What the exercise asks:
Transcribe the stretch of entries below from the line with "from ifc_helpers import" through the line with "world=origin(), true_north=direction((0.0, 1.0)))", exactly and with both ends included; leave out all other lines.

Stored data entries
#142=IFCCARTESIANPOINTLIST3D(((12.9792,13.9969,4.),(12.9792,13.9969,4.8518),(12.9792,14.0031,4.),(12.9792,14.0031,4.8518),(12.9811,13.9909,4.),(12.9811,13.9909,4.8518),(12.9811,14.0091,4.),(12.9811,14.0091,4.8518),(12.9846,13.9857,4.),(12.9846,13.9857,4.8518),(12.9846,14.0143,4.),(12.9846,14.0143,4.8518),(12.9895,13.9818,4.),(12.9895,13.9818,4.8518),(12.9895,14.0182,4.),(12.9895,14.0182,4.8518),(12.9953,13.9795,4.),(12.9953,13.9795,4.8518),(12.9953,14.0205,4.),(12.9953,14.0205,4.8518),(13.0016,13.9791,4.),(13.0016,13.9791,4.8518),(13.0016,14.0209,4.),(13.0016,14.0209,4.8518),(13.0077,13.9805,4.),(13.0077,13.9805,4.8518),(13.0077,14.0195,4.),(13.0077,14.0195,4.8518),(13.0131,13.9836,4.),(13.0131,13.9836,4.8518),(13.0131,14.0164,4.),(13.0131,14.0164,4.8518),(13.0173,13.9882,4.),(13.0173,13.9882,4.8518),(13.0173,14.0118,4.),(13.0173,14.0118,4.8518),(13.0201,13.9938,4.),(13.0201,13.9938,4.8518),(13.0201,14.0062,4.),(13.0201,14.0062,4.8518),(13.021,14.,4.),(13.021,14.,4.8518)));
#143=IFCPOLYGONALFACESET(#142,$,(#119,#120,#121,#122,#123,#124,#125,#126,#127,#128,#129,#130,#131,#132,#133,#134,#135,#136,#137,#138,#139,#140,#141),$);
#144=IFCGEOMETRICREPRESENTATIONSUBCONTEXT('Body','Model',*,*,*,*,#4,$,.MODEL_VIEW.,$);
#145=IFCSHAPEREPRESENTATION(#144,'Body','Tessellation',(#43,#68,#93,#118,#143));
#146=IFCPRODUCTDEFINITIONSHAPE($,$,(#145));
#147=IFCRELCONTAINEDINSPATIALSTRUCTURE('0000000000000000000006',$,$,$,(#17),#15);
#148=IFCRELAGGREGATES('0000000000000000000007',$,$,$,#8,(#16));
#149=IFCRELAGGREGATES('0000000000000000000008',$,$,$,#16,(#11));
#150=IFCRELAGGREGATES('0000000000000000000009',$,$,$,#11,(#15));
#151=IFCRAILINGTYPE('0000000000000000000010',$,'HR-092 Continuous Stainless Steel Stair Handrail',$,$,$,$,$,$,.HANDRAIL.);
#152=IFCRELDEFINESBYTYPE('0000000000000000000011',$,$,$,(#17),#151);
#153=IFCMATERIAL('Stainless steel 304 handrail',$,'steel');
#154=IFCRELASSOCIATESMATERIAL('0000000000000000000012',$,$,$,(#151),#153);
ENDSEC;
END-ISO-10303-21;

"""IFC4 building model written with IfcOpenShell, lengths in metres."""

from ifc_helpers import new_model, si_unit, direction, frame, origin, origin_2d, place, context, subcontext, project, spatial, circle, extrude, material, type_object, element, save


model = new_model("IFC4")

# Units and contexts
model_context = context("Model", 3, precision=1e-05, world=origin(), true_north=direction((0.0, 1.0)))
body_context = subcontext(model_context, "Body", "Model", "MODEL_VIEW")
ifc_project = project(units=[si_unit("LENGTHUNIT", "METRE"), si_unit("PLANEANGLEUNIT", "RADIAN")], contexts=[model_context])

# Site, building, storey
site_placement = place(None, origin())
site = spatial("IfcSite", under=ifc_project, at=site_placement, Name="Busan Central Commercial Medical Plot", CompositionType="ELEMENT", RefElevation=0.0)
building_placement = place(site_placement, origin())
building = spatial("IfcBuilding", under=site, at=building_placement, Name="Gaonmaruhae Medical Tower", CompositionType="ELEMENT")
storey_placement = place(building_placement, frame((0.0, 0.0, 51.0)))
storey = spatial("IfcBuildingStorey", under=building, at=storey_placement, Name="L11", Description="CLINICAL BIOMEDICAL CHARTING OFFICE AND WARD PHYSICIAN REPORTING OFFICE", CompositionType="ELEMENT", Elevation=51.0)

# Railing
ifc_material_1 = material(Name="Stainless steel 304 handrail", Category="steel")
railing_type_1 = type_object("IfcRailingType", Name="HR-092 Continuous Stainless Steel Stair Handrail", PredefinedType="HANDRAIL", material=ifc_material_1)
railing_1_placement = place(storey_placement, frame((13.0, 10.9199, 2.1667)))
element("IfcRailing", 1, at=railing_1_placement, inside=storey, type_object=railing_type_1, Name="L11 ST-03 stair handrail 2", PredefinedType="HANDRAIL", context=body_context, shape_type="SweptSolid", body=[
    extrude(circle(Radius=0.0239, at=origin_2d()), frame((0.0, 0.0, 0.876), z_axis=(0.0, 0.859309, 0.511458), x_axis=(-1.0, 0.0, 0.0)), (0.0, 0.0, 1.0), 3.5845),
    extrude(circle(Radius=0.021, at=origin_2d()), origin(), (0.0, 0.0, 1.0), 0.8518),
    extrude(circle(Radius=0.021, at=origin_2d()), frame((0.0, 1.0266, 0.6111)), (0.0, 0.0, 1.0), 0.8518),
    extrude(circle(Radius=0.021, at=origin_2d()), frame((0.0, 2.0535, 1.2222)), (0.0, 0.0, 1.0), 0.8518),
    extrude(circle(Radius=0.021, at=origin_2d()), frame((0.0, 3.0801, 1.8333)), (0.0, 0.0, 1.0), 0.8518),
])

Expected output:
from ifc_helpers import new_model, si_unit, direction, frame, origin, origin_2d, place, context, subcontext, project, spatial, circle, extrude, material, type_object, element, save


model = new_model("IFC4")

# Units and contexts
model_context = context("Model", 3, precision=1e-05, world=origin(), true_north=direction((0.0, 1.0)))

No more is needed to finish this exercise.